*** Supplied records

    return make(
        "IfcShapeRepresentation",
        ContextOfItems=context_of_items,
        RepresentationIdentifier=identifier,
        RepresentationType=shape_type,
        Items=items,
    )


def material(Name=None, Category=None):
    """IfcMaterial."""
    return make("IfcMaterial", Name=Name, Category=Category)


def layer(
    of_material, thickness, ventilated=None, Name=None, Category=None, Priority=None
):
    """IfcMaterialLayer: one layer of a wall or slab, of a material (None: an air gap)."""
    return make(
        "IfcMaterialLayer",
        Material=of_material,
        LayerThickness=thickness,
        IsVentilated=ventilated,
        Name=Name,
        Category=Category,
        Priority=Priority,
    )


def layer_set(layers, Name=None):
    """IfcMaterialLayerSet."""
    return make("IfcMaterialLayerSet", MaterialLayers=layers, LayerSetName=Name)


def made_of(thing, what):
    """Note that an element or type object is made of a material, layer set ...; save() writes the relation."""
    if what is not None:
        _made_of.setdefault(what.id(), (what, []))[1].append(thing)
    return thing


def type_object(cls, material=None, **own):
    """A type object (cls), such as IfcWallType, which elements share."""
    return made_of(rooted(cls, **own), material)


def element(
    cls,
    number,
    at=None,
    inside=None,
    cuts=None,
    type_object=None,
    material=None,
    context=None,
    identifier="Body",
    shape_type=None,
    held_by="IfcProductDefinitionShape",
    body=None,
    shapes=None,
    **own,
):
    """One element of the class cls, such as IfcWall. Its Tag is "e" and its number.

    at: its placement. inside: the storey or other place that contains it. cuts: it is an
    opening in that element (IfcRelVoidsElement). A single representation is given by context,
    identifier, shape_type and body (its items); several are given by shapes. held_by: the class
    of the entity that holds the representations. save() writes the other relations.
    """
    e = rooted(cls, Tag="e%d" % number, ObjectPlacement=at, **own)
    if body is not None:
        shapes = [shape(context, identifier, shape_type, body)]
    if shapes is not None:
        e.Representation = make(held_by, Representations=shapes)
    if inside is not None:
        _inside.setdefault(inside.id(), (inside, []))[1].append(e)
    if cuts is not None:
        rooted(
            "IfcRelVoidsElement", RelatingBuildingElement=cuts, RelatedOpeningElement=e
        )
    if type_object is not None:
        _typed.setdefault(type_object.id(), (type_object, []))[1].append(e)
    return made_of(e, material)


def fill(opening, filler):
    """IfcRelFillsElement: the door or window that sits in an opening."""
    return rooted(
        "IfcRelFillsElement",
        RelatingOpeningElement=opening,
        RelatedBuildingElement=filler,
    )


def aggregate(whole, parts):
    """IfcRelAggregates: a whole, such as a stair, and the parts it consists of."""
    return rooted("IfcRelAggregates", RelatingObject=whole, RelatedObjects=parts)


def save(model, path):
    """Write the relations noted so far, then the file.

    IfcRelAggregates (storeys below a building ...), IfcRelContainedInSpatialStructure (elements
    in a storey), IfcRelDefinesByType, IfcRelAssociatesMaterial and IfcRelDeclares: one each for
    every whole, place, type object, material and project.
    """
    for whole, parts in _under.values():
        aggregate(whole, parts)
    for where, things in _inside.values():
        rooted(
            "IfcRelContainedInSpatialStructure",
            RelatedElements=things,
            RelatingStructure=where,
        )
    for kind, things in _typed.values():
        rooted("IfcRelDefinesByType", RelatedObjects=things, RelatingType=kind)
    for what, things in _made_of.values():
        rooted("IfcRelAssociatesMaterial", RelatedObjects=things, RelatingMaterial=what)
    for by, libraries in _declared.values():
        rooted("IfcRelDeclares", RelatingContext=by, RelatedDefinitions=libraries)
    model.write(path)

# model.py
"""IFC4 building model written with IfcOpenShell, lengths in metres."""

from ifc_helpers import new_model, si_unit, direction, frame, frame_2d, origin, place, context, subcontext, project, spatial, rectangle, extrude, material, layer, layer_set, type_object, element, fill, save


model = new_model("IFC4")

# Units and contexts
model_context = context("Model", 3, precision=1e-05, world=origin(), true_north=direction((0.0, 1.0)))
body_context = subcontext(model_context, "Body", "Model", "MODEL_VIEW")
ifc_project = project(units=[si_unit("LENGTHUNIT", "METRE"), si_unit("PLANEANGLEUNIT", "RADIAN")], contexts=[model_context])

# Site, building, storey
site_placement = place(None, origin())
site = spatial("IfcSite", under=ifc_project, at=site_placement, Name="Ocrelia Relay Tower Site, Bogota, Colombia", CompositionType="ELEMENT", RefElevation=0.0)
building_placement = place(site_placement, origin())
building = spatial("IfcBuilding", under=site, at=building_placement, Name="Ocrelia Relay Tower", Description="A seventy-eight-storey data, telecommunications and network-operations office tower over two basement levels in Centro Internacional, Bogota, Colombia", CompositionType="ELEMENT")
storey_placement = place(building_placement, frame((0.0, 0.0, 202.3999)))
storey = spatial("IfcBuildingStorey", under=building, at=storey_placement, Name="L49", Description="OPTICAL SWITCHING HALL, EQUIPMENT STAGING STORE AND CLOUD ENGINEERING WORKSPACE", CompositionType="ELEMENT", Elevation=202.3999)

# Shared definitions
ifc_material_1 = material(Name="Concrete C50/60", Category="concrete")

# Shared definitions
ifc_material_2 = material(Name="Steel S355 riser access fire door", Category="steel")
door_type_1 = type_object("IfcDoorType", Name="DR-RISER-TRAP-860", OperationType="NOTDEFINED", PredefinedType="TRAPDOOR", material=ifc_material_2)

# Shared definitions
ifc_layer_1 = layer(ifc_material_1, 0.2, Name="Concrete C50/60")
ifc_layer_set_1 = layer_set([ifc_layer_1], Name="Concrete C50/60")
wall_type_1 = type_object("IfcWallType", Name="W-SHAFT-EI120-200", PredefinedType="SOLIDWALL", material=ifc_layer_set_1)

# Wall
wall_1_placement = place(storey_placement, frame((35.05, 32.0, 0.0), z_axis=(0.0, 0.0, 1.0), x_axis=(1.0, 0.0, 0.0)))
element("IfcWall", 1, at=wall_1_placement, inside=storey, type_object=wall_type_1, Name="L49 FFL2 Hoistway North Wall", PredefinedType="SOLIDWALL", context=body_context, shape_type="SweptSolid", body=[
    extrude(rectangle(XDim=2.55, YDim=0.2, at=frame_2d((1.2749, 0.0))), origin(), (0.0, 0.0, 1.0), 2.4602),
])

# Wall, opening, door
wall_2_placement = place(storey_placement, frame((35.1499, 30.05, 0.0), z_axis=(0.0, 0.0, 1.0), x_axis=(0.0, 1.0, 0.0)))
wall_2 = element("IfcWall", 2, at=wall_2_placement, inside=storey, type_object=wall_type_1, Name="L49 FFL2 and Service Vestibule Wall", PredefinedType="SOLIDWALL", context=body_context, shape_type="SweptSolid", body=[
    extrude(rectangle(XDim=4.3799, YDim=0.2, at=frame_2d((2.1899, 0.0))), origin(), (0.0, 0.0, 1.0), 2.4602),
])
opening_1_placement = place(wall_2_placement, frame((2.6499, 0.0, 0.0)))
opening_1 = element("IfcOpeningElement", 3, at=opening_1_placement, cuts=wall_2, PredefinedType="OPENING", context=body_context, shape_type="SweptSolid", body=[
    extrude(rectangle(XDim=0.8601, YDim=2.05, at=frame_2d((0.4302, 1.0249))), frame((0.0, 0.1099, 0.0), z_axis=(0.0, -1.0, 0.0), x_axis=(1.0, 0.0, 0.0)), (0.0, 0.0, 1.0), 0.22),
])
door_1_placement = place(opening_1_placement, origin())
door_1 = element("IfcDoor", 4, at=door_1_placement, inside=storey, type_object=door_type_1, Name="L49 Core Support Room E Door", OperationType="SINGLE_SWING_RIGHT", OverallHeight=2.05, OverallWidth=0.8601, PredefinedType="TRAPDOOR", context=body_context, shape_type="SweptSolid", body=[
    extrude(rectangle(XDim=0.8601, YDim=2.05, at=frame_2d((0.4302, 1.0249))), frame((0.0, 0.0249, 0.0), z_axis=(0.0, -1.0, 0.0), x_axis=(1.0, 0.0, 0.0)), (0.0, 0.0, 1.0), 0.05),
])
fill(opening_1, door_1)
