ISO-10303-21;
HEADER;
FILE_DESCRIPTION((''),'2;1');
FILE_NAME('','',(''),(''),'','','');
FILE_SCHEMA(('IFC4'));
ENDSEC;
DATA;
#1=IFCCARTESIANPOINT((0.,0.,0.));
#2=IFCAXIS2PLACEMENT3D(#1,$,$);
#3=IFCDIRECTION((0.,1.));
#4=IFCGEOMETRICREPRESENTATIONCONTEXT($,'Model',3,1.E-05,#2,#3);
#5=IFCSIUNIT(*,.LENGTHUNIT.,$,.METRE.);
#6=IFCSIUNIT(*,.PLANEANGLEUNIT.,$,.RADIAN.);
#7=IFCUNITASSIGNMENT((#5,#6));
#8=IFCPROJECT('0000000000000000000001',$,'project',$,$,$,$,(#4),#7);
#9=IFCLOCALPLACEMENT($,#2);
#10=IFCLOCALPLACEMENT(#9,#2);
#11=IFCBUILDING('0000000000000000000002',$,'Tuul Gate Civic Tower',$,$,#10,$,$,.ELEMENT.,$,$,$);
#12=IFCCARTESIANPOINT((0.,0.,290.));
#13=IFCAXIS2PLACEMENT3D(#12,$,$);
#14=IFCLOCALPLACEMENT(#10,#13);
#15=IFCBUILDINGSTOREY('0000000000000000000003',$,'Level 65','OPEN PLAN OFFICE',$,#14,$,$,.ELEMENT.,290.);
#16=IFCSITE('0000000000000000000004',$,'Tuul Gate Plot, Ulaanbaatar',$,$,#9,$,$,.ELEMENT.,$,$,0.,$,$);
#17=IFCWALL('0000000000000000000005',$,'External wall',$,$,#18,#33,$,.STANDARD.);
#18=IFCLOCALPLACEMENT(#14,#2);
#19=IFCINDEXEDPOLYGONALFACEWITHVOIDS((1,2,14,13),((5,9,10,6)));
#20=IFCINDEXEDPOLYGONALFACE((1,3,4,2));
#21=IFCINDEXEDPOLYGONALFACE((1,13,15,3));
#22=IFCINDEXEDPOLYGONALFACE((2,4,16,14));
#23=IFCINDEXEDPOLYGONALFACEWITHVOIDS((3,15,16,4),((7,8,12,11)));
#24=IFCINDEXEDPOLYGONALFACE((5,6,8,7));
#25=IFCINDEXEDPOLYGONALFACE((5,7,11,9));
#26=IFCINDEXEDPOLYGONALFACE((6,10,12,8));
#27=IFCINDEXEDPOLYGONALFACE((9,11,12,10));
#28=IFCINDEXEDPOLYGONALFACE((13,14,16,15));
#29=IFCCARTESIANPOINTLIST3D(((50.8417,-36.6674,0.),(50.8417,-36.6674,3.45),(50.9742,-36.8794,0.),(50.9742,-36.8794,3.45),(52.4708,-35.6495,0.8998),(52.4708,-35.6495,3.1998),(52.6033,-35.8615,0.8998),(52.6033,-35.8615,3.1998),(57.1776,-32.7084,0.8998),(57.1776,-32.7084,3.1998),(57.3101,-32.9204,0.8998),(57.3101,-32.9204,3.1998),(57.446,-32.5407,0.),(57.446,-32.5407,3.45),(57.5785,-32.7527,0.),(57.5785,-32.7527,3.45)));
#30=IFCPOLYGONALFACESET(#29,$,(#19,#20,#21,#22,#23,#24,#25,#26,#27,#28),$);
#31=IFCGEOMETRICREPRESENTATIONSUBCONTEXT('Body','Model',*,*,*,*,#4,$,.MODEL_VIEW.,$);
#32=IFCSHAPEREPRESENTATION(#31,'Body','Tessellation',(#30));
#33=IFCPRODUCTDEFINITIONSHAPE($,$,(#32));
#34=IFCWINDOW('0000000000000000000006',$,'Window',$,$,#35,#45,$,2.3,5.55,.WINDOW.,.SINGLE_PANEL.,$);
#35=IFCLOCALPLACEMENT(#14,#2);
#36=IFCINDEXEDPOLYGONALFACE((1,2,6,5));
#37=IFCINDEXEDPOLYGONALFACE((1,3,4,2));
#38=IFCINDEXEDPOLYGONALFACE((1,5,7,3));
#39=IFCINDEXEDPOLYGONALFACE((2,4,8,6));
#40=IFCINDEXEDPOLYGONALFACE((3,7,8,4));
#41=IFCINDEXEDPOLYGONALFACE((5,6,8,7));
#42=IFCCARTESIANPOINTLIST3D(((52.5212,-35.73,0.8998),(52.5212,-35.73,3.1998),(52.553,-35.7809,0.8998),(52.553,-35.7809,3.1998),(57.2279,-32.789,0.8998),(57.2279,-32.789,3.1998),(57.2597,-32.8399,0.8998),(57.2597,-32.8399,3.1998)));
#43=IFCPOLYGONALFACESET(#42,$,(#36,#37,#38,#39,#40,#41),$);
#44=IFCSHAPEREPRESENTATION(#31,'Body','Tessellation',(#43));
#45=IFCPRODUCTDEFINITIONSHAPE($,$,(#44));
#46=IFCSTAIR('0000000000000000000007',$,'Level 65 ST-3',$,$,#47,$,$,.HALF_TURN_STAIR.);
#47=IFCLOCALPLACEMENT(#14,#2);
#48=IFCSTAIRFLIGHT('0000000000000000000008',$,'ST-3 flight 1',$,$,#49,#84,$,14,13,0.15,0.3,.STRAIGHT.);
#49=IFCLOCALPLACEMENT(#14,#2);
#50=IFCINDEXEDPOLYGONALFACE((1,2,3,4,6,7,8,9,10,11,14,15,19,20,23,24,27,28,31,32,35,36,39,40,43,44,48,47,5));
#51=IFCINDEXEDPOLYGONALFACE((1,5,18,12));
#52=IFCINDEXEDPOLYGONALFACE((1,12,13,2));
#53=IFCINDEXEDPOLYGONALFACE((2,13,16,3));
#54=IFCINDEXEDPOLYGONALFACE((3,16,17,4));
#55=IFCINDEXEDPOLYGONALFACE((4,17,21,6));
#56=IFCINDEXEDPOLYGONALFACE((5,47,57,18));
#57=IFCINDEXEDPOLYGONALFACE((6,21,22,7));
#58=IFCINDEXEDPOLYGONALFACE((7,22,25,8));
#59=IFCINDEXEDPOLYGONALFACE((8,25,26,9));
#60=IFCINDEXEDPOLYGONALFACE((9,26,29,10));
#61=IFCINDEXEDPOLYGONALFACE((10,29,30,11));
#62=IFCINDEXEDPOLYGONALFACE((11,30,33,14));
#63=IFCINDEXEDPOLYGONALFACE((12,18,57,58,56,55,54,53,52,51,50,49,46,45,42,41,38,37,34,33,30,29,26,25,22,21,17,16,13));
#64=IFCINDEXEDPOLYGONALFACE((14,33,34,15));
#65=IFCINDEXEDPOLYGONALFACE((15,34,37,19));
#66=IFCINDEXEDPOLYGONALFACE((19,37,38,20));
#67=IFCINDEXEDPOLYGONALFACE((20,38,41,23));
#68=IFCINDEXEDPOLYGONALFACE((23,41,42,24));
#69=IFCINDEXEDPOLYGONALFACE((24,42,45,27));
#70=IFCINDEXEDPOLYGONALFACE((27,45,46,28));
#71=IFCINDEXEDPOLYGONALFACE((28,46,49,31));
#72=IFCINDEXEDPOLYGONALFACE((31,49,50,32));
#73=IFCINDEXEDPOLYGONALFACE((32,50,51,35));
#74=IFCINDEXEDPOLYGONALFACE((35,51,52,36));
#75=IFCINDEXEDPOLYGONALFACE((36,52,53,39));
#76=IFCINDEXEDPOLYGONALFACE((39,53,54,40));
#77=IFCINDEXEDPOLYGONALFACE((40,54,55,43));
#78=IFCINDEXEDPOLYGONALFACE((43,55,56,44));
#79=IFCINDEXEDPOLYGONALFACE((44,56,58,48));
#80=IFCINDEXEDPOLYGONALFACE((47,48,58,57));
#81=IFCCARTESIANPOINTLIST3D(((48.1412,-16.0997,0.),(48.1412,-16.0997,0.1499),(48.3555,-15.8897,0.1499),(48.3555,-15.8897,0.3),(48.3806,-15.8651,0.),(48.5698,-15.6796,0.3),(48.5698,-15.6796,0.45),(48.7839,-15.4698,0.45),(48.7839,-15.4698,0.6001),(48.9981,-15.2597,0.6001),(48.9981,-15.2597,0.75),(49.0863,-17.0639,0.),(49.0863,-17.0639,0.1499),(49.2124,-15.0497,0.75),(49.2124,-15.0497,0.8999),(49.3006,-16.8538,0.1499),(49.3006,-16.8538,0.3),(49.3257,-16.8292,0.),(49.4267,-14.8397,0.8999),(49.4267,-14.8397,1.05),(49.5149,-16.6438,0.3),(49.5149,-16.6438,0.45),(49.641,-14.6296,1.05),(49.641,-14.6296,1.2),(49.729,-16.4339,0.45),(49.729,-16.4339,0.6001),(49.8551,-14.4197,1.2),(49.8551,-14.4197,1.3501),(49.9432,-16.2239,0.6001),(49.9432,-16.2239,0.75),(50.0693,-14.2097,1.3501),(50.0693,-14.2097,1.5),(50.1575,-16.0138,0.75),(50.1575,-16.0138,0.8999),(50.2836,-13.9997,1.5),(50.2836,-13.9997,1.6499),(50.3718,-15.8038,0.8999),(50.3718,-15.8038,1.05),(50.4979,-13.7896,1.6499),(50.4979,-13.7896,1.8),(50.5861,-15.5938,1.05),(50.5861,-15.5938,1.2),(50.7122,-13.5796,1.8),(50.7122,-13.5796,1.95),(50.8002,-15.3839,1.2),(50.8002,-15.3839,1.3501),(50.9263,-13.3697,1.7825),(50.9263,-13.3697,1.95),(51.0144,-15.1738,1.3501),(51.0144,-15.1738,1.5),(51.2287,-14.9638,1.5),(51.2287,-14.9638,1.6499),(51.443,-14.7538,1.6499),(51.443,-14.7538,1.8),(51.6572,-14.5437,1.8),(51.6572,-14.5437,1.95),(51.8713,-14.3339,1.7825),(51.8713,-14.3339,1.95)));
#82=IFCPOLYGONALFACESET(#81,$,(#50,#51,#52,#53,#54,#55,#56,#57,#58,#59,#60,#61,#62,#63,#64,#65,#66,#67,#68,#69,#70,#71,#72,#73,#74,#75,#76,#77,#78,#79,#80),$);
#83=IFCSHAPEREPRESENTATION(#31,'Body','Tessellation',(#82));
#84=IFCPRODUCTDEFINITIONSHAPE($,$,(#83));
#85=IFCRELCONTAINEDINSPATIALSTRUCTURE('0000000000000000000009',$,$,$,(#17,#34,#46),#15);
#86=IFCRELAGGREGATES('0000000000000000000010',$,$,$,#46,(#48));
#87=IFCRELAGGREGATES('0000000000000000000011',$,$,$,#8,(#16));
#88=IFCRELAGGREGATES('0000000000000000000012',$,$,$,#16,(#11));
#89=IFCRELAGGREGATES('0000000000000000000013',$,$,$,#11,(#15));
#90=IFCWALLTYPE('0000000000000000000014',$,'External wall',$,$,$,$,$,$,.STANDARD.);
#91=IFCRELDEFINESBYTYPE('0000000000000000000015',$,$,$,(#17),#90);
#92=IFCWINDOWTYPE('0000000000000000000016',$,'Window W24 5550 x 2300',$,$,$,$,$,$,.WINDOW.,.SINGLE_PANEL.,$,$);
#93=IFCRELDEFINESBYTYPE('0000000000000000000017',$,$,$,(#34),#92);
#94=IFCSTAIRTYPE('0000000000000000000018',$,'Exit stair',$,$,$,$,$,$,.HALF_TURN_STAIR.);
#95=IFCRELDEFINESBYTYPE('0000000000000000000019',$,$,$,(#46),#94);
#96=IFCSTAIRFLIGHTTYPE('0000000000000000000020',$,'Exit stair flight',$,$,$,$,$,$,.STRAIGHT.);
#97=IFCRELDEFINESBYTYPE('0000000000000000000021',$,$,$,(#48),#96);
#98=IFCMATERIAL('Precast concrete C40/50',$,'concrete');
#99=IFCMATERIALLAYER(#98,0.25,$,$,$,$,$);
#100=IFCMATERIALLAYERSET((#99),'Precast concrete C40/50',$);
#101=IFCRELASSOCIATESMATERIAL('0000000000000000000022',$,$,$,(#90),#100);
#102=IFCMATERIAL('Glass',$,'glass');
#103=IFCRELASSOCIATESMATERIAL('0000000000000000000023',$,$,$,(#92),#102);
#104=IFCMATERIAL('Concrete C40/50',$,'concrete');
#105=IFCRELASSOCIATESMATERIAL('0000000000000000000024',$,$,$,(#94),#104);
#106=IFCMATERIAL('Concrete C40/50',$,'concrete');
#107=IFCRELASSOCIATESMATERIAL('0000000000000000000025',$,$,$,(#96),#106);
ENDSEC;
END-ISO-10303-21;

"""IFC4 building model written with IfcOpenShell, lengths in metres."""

from ifc_helpers import new_model, si_unit, direction, frame, frame_2d, origin, place, context, subcontext, project, spatial, polyline, rectangle, outline, extrude, material, layer, layer_set, type_object, element, fill, aggregate, save


model = new_model("IFC4")

# Units and contexts
model_context = context("Model", 3, precision=1e-05, world=origin(), true_north=direction((0.0, 1.0)))
body_context = subcontext(model_context, "Body", "Model", "MODEL_VIEW")
ifc_project = project(units=[si_unit("LENGTHUNIT", "METRE"), si_unit("PLANEANGLEUNIT", "RADIAN")], contexts=[model_context])

# Site, building, storey
site_placement = place(None, origin())
site = spatial("IfcSite", under=ifc_project, at=site_placement, Name="Tuul Gate Plot, Ulaanbaatar", CompositionType="ELEMENT", RefElevation=0.0)
building_placement = place(site_placement, origin())
building = spatial("IfcBuilding", under=site, at=building_placement, Name="Tuul Gate Civic Tower", CompositionType="ELEMENT")
storey_placement = place(building_placement, frame((0.0, 0.0, 290.0)))
storey = spatial("IfcBuildingStorey", under=building, at=storey_placement, Name="Level 65", Description="OPEN PLAN OFFICE", CompositionType="ELEMENT", Elevation=290.0)

# Wall, opening, window
ifc_material_1 = material(Name="Precast concrete C40/50", Category="concrete")
ifc_layer_1 = layer(ifc_material_1, 0.25)
ifc_layer_set_1 = layer_set([ifc_layer_1], Name="Precast concrete C40/50")
wall_type_1 = type_object("IfcWallType", Name="External wall", PredefinedType="STANDARD", material=ifc_layer_set_1)
wall_1_placement = place(storey_placement, frame((50.908, -36.7734, 0.0), z_axis=(0.0, 0.0, 1.0), x_axis=(0.848053, 0.529912, 0.0)))
wall_1 = element("IfcWall", 1, at=wall_1_placement, inside=storey, type_object=wall_type_1, Name="External wall", PredefinedType="STANDARD", context=body_context, shape_type="SweptSolid", body=[
    extrude(rectangle(XDim=7.7876, YDim=0.25, at=frame_2d((3.8938, 0.0))), origin(), (0.0, 0.0, 1.0), 3.45),
])
opening_1_placement = place(wall_1_placement, frame((1.9211, 0.0, 0.8999)))
opening_1 = element("IfcOpeningElement", 2, at=opening_1_placement, cuts=wall_1, PredefinedType="OPENING", context=body_context, shape_type="SweptSolid", body=[
    extrude(rectangle(XDim=5.55, YDim=2.3, at=frame_2d((2.7749, 1.1499))), frame((0.0, 0.135, 0.0), z_axis=(0.0, -1.0, 0.0), x_axis=(1.0, 0.0, 0.0)), (0.0, 0.0, 1.0), 0.27),
])
ifc_material_2 = material(Name="Glass", Category="glass")
window_type_1 = type_object("IfcWindowType", Name="Window W24 5550 x 2300", PartitioningType="SINGLE_PANEL", PredefinedType="WINDOW", material=ifc_material_2)
window_1_placement = place(opening_1_placement, origin())
window_1 = element("IfcWindow", 3, at=window_1_placement, inside=storey, type_object=window_type_1, Name="Window", OverallHeight=2.3, OverallWidth=5.55, PartitioningType="SINGLE_PANEL", PredefinedType="WINDOW", context=body_context, shape_type="SweptSolid", body=[
    extrude(rectangle(XDim=5.55, YDim=2.3, at=frame_2d((2.7749, 1.1499))), frame((0.0, 0.03, 0.0), z_axis=(0.0, -1.0, 0.0), x_axis=(1.0, 0.0, 0.0)), (0.0, 0.0, 1.0), 0.0601),
])
fill(opening_1, window_1)

# Stair, stair flight
ifc_material_3 = material(Name="Concrete C40/50", Category="concrete")
stair_type = type_object("IfcStairType", Name="Exit stair", PredefinedType="HALF_TURN_STAIR", material=ifc_material_3)
stair_placement = place(storey_placement, origin())
stair = element("IfcStair", 4, at=stair_placement, inside=storey, type_object=stair_type, Name="Level 65 ST-3", PredefinedType="HALF_TURN_STAIR")
ifc_material_4 = material(Name="Concrete C40/50", Category="concrete")
stair_flight_type = type_object("IfcStairFlightType", Name="Exit stair flight", PredefinedType="STRAIGHT", material=ifc_material_4)
stair_flight_placement = place(storey_placement, frame((48.6138, -16.5818, 0.0), z_axis=(0.0, 0.0, 1.0), x_axis=(0.714127, 0.700016, 0.0)))
stair_flight = element("IfcStairFlight", 5, at=stair_flight_placement, type_object=stair_flight_type, Name="ST-3 flight 1", NumberOfRisers=14, NumberOfTreads=13, PredefinedType="STRAIGHT", RiserHeight=0.15, TreadLength=0.3, context=body_context, shape_type="SweptSolid", body=[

******

◆ **Aim of the exercise**
For this exercise, repeat exactly the lines of the data above from the one with "identifier, shape_type and" down to the one with "for whole, parts", both end lines included.

◆ **Problem solution**
    identifier, shape_type and body (its items); several are given by shapes. held_by: the class
    of the entity that holds the representations. save() writes the other relations.
    """
    e = rooted(cls, Tag="e%d" % number, ObjectPlacement=at, **own)
    if body is not None:
        shapes = [shape(context, identifier, shape_type, body)]
    if shapes is not None:
        e.Representation = make(held_by, Representations=shapes)
    if inside is not None:
        _inside.setdefault(inside.id(), (inside, []))[1].append(e)
    if cuts is not None:
        rooted(
            "IfcRelVoidsElement", RelatingBuildingElement=cuts, RelatedOpeningElement=e
        )
    if type_object is not None:
        _typed.setdefault(type_object.id(), (type_object, []))[1].append(e)
    return made_of(e, material)


def fill(opening, filler):
    """IfcRelFillsElement: the door or window that sits in an opening."""
    return rooted(
        "IfcRelFillsElement",
        RelatingOpeningElement=opening,
        RelatedBuildingElement=filler,
    )


def aggregate(whole, parts):
    """IfcRelAggregates: a whole, such as a stair, and the parts it consists of."""
    return rooted("IfcRelAggregates", RelatingObject=whole, RelatedObjects=parts)


def save(model, path):
    """Write the relations noted so far, then the file.

    IfcRelAggregates (storeys below a building ...), IfcRelContainedInSpatialStructure (elements
    in a storey), IfcRelDefinesByType, IfcRelAssociatesMaterial and IfcRelDeclares: one each for
    every whole, place, type object, material and project.
    """
    for whole, parts in _under.values():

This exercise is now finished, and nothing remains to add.